» **Exercise**: Go through the entries below and return every line that contains "IFCSIUNIT".

[Recorded data]
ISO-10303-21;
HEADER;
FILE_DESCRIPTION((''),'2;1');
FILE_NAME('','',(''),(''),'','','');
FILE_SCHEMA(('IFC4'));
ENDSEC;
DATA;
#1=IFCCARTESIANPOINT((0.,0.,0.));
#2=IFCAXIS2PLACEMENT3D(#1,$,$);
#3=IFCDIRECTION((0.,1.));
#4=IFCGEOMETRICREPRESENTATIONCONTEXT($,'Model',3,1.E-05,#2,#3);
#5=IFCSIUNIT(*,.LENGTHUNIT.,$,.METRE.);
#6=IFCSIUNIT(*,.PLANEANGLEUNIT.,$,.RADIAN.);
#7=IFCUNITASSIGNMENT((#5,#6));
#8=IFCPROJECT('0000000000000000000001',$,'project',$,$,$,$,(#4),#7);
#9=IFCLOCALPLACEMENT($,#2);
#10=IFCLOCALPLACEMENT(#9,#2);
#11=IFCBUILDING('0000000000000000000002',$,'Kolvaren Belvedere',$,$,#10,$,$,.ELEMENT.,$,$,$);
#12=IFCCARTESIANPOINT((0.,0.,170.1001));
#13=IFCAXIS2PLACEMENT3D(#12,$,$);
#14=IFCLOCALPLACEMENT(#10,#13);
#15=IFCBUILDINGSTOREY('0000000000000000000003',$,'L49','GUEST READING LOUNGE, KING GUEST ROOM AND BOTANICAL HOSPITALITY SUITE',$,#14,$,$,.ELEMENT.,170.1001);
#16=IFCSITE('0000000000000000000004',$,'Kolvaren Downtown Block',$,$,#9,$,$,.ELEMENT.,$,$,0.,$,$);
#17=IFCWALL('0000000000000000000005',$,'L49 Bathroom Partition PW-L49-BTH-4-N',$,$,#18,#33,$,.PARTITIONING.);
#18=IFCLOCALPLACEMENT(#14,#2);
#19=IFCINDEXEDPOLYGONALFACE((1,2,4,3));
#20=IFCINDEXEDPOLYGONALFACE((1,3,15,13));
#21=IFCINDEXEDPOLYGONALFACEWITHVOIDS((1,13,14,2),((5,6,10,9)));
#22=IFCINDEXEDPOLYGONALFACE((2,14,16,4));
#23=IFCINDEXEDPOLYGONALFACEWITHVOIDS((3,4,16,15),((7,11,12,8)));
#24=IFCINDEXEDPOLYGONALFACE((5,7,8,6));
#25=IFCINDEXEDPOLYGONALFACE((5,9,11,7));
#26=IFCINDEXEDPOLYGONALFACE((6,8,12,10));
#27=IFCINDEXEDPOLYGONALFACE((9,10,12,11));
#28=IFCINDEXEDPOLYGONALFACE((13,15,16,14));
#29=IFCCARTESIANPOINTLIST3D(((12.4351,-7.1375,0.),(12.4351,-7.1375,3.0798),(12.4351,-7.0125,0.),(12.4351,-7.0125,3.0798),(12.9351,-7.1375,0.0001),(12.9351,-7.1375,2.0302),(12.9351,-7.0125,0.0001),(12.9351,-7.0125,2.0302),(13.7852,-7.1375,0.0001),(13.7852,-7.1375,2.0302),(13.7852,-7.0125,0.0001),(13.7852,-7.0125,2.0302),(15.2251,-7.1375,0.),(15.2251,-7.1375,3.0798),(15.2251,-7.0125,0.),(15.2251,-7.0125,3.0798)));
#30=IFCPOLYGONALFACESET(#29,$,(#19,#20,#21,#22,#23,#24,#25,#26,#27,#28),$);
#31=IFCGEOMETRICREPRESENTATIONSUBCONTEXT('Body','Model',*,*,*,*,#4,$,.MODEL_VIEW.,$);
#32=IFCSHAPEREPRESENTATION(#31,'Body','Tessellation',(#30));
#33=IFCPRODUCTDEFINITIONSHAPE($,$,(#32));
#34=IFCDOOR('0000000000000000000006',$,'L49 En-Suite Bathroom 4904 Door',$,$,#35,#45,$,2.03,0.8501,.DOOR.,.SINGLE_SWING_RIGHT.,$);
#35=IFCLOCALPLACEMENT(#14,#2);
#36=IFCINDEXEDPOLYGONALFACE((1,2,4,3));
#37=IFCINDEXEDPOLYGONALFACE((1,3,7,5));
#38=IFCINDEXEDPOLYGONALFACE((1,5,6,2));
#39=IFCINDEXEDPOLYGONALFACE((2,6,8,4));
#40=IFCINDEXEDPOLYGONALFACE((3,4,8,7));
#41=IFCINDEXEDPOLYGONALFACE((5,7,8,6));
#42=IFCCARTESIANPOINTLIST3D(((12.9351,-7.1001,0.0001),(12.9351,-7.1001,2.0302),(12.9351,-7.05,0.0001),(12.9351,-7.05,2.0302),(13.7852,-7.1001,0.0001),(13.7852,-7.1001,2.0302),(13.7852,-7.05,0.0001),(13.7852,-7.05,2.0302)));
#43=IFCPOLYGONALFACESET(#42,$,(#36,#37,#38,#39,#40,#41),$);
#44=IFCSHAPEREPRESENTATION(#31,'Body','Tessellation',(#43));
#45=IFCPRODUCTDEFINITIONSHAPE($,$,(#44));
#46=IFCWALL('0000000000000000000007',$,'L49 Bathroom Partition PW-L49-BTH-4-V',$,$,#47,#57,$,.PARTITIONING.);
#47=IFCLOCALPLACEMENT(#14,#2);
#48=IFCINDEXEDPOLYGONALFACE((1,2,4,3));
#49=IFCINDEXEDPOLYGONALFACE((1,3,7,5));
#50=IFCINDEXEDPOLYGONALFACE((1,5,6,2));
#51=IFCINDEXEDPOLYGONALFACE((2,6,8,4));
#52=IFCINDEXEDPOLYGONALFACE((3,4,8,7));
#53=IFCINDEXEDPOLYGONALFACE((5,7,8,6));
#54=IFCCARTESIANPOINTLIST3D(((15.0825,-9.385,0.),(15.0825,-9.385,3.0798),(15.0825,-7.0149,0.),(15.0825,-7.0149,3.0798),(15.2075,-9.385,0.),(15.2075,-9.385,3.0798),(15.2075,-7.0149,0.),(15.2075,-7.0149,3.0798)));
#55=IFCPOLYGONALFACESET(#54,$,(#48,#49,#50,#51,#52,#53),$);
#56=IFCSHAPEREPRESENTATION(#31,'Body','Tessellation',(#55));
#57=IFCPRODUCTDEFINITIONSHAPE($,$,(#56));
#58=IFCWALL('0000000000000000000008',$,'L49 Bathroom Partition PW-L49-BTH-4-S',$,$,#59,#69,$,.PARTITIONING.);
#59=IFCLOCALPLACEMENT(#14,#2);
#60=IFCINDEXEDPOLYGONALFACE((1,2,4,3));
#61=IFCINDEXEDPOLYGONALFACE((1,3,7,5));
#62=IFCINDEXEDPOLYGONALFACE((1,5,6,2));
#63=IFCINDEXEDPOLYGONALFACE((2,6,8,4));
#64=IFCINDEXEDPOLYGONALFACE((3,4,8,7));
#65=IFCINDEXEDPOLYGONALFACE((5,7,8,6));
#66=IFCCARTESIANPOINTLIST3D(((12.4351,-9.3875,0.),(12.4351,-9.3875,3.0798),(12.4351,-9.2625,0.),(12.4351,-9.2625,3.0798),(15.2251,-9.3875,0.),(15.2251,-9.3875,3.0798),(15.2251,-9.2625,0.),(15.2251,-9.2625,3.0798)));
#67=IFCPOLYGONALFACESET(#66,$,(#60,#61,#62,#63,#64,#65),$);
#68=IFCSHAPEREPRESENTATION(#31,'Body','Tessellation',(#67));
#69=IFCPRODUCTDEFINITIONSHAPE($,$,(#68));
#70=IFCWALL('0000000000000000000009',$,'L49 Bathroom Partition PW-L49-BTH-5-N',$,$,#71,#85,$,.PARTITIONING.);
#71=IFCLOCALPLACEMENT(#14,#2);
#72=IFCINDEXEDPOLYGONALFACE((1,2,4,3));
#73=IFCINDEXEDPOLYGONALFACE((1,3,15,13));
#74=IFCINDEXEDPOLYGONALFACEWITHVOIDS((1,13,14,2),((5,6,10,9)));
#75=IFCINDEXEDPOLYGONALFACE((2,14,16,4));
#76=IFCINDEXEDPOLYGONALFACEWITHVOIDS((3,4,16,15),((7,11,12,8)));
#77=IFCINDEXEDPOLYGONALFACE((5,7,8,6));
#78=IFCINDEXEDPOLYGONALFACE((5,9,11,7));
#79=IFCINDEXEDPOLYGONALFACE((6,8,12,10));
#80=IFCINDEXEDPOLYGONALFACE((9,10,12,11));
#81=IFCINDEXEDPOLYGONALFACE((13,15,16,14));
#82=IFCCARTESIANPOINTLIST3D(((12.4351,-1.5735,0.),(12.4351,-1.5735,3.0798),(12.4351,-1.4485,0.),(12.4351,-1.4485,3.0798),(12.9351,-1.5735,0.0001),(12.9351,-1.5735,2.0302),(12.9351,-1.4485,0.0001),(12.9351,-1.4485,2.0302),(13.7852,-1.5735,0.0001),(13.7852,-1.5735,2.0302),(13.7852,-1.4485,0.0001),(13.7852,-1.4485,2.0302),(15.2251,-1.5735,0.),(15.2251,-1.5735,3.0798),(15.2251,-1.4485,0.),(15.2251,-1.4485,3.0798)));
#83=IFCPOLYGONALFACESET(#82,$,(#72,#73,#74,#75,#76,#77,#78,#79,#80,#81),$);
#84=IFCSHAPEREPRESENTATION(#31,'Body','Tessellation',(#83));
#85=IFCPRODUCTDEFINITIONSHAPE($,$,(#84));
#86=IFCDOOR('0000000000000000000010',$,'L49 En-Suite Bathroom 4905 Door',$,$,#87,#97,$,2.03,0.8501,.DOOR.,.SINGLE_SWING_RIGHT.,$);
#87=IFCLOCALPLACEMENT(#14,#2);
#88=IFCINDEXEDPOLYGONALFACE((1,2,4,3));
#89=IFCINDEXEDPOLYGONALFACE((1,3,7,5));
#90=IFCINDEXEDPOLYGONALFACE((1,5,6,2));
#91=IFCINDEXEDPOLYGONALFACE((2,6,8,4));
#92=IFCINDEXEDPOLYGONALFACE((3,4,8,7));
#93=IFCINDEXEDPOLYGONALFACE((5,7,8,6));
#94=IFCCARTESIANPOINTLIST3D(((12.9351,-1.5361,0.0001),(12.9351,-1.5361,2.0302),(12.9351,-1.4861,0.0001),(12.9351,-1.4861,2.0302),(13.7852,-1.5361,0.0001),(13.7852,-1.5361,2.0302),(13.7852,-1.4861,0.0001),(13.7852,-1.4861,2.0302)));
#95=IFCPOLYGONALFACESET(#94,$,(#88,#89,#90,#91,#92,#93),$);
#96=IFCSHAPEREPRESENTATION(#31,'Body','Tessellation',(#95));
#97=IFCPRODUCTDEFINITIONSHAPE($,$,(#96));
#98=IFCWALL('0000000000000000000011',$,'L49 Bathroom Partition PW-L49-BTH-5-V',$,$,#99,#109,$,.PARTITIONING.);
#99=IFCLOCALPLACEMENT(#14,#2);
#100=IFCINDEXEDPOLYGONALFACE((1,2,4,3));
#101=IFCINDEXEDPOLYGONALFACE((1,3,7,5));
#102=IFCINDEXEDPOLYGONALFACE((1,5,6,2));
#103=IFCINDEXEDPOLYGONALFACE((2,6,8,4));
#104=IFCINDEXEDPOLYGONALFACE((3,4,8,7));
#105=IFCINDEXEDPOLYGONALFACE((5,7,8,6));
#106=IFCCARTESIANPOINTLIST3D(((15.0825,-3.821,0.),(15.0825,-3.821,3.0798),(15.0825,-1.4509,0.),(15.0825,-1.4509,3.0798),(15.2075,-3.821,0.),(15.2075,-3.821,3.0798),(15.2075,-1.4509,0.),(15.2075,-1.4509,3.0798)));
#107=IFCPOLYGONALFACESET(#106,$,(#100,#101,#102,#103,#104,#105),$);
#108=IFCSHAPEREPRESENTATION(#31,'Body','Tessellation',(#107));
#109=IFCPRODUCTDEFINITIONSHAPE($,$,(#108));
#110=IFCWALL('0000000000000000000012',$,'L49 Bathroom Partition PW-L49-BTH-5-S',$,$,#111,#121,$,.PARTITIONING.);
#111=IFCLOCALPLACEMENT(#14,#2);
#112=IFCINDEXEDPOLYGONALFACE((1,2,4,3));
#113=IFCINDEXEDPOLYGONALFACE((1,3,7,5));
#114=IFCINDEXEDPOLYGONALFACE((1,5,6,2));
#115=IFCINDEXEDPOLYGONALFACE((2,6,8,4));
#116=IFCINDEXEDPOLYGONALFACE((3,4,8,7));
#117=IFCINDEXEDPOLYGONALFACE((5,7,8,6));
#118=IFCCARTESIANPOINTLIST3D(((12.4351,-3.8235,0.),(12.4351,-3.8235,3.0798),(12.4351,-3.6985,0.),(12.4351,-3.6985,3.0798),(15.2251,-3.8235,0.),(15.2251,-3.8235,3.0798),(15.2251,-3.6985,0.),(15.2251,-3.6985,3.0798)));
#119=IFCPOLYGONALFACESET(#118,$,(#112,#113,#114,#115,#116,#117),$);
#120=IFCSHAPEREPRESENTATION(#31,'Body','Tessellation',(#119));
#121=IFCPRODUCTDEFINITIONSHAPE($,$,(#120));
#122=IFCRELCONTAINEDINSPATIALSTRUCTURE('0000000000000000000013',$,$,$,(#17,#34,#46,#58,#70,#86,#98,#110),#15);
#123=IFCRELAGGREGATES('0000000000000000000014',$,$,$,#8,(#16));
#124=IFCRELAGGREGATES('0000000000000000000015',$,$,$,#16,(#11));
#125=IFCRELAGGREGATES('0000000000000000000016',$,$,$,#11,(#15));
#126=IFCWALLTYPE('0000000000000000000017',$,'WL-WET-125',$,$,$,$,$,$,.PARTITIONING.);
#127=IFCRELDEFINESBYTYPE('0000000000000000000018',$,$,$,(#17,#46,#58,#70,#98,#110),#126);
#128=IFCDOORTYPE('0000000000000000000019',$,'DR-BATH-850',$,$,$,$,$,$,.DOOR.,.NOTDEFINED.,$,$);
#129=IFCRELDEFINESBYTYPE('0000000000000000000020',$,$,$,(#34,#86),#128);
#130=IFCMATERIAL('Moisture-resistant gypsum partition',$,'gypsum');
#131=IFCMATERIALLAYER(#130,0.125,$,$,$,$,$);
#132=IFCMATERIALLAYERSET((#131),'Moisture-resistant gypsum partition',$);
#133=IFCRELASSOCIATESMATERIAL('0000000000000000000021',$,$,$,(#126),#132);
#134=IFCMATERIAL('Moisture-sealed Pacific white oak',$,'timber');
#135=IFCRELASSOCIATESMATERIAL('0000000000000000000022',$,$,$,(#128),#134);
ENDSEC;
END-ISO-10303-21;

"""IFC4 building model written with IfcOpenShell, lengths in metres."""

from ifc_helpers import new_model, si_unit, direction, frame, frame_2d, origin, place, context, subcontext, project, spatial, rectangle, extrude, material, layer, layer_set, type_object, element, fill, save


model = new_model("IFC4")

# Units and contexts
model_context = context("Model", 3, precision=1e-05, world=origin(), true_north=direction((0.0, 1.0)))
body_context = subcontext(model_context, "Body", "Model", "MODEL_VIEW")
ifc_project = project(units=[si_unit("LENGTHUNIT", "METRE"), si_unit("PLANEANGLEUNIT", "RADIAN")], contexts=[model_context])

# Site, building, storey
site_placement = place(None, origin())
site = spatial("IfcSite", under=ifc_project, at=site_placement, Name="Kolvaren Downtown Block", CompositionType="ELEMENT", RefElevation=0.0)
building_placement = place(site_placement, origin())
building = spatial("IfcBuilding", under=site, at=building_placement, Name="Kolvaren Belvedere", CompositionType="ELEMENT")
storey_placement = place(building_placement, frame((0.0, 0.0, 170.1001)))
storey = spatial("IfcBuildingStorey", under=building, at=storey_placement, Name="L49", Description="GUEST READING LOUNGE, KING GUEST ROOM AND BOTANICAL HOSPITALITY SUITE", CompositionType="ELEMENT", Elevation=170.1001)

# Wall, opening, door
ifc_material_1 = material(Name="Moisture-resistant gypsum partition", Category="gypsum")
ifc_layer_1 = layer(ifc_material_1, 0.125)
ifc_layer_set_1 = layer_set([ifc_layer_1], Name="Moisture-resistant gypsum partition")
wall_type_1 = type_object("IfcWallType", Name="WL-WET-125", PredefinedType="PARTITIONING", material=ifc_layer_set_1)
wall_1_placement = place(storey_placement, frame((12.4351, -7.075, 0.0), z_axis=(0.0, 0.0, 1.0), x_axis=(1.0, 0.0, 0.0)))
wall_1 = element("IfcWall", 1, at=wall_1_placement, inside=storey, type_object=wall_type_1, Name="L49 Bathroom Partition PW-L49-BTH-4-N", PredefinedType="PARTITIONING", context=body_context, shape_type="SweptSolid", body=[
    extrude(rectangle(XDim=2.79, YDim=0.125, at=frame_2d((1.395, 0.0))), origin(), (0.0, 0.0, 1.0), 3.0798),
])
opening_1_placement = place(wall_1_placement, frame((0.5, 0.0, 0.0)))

» **Answer area**:
#5=IFCSIUNIT(*,.LENGTHUNIT.,$,.METRE.);
#6=IFCSIUNIT(*,.PLANEANGLEUNIT.,$,.RADIAN.);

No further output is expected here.